> _Stored data_
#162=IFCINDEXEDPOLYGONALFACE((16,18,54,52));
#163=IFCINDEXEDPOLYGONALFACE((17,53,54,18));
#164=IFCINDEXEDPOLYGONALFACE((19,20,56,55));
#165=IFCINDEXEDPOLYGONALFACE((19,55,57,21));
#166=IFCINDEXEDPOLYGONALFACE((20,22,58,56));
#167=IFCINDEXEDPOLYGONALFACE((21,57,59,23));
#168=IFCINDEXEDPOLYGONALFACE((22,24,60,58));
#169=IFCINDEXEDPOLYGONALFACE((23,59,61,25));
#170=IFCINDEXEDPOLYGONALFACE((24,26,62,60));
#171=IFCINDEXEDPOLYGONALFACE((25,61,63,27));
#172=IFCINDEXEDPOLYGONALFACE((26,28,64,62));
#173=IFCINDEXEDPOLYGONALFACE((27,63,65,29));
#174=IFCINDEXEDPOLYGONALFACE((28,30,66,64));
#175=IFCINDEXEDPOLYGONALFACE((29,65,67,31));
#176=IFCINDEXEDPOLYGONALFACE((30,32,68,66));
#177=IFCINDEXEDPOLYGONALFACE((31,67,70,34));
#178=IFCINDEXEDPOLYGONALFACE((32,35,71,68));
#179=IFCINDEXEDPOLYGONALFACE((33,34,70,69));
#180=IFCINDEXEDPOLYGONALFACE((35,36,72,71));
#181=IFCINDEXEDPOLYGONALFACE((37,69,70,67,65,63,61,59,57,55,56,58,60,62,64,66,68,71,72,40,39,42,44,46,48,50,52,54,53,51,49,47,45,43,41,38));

...

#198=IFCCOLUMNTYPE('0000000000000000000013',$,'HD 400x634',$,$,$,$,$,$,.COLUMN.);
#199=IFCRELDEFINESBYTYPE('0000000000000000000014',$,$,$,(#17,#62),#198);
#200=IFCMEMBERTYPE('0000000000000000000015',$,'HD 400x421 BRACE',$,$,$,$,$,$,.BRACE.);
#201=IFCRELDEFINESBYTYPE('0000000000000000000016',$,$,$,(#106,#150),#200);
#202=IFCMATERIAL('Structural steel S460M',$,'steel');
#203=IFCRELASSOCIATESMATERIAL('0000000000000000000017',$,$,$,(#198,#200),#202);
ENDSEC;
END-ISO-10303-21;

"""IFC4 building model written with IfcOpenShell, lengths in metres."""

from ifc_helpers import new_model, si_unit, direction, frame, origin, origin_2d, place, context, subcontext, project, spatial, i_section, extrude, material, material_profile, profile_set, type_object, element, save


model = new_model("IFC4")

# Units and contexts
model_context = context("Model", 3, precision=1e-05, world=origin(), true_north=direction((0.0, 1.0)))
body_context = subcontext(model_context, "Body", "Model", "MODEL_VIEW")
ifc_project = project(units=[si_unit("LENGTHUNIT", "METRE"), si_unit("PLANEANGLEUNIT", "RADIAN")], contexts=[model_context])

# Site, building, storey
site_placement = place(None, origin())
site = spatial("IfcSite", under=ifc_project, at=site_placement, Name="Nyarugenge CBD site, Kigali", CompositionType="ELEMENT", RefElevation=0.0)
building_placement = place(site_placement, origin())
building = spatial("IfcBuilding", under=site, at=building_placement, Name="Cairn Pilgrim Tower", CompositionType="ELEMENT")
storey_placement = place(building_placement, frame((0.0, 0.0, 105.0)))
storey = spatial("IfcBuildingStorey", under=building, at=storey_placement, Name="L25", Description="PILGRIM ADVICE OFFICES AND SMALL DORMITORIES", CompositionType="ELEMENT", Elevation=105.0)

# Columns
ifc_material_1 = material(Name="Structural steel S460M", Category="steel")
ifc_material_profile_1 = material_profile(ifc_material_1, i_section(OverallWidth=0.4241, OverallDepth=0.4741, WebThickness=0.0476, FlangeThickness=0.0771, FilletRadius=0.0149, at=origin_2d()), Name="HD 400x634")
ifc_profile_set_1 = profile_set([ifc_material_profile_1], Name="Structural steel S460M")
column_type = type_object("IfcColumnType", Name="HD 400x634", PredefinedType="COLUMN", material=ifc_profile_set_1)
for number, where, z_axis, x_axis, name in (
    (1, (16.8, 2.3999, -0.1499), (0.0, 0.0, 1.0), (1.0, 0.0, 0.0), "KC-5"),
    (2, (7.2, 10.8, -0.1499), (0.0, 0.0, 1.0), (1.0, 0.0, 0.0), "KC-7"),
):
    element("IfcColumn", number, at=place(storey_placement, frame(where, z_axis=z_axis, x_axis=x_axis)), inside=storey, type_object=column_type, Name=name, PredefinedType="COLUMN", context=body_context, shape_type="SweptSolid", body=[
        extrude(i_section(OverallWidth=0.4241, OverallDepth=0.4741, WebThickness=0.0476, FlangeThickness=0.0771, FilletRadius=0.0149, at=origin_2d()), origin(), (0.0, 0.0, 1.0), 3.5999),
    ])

> _Work instructions_
Find the line with "building model written" in the entries above. Retype it and each line after it, exactly, through the line with "# Units and contexts", and stop there.

> _Answer space_
"""IFC4 building model written with IfcOpenShell, lengths in metres."""

from ifc_helpers import new_model, si_unit, direction, frame, origin, origin_2d, place, context, subcontext, project, spatial, i_section, extrude, material, material_profile, profile_set, type_object, element, save


model = new_model("IFC4")

# Units and contexts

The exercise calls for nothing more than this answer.